* [What you are asked to do]: Throughout the listing below, show every line in which "MULLION" occurs.

* [Extracted material]:

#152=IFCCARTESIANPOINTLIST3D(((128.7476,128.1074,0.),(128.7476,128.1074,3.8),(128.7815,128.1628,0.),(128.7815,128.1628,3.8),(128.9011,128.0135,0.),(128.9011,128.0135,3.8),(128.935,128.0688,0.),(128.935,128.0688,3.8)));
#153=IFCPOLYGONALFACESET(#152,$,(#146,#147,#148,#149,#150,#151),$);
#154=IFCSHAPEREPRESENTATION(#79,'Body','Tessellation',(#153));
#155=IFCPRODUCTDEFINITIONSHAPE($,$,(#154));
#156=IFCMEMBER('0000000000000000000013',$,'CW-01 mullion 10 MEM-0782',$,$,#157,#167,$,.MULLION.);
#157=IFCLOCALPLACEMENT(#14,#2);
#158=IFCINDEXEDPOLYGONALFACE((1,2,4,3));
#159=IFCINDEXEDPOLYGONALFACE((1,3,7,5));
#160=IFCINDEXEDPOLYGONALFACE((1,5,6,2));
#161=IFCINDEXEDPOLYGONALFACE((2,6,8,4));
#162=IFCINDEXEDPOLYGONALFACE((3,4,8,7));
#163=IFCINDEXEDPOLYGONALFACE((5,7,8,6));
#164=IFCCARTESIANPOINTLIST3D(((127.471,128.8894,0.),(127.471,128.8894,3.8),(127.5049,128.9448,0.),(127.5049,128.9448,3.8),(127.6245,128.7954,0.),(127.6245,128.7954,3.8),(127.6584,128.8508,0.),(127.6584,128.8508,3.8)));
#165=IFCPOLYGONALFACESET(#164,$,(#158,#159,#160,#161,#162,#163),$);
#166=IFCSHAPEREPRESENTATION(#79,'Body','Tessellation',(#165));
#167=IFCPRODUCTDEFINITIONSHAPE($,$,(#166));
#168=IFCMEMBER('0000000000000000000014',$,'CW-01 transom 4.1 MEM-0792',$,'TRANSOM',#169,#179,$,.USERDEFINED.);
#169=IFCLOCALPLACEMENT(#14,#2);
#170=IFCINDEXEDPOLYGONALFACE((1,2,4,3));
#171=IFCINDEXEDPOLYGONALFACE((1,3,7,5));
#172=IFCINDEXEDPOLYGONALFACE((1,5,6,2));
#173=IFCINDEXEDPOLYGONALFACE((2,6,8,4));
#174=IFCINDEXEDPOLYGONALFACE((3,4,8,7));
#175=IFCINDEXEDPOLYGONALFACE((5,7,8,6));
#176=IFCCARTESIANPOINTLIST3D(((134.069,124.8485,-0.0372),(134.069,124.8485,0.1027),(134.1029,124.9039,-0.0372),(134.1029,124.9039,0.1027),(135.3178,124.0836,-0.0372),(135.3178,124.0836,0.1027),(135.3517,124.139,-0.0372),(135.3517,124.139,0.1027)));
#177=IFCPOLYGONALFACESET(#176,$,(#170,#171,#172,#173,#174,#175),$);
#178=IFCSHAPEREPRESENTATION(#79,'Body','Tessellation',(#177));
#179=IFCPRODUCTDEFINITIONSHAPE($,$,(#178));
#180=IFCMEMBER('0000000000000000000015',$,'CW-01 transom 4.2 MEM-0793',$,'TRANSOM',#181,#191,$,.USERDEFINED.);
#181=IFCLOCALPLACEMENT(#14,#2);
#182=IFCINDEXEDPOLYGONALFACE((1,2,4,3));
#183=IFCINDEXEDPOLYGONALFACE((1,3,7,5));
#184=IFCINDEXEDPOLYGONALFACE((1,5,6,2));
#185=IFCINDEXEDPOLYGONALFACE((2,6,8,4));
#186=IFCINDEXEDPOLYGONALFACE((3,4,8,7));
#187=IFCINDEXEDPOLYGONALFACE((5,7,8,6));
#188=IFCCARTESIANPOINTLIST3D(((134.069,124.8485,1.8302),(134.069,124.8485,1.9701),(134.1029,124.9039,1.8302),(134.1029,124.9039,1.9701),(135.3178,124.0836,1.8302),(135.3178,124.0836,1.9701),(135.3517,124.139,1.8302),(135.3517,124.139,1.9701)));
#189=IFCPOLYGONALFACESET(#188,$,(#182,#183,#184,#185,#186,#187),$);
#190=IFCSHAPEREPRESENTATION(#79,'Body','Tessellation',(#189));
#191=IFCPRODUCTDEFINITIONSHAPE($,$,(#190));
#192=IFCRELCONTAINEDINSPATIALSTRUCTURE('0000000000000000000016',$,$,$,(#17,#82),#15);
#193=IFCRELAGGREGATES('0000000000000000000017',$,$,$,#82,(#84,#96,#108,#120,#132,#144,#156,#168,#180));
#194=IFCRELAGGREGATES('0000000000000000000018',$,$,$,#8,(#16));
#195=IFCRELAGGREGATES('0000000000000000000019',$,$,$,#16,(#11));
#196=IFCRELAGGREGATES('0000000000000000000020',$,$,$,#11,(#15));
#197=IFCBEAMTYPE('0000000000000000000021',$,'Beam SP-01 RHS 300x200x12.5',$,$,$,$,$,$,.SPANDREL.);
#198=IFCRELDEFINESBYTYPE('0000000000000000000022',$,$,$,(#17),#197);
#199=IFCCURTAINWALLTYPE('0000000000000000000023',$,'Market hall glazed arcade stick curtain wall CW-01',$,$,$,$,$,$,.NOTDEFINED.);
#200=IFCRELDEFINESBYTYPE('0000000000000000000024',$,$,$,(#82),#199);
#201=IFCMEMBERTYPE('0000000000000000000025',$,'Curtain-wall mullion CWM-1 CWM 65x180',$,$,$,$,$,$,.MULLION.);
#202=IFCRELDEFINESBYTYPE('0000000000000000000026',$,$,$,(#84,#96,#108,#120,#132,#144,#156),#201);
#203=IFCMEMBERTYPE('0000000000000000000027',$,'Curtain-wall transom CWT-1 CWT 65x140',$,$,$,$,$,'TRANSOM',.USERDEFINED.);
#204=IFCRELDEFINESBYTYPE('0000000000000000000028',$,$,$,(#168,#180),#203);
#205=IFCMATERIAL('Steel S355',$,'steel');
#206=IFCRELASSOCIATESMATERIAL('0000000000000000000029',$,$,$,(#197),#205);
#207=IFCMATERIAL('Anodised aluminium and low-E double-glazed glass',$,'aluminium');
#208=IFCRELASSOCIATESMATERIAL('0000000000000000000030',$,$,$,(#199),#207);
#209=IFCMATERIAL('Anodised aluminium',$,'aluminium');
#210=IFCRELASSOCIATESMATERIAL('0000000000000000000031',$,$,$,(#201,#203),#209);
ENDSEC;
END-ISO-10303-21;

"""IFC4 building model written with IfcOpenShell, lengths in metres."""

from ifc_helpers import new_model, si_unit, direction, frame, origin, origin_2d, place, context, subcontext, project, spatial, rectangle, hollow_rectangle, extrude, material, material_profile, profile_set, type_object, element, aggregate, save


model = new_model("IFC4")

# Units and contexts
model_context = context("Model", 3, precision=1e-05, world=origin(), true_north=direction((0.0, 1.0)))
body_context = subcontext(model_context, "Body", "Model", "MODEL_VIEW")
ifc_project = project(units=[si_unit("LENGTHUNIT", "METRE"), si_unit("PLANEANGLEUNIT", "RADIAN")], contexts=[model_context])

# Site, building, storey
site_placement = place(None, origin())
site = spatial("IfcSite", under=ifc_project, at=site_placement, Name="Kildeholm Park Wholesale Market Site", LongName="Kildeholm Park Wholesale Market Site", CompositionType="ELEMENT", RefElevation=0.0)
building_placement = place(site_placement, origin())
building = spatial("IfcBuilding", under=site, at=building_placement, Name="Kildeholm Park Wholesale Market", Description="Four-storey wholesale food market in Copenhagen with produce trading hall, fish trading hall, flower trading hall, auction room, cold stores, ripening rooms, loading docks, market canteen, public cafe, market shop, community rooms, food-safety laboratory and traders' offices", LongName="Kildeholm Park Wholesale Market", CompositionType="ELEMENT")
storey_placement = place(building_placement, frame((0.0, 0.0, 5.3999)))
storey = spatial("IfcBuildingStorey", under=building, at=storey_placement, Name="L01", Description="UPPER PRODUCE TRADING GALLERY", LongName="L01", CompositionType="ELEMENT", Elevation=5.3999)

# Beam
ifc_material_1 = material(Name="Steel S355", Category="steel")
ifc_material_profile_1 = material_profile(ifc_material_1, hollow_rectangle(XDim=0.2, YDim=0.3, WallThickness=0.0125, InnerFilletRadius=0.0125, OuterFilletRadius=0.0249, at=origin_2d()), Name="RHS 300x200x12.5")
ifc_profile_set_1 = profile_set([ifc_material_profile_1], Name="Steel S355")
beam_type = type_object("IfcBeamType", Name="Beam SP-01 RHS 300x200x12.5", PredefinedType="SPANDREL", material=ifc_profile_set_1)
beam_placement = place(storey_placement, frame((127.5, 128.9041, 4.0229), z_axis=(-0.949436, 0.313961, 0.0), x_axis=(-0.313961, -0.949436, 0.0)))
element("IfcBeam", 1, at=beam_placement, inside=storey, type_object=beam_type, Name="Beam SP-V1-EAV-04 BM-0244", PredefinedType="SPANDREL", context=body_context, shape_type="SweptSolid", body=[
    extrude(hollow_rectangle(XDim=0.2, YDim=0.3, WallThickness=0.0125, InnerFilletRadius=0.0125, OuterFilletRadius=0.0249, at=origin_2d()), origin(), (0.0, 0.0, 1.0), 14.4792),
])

* [Answer space]:
#156=IFCMEMBER('0000000000000000000013',$,'CW-01 mullion 10 MEM-0782',$,$,#157,#167,$,.MULLION.);
#201=IFCMEMBERTYPE('0000000000000000000025',$,'Curtain-wall mullion CWM-1 CWM 65x180',$,$,$,$,$,$,.MULLION.);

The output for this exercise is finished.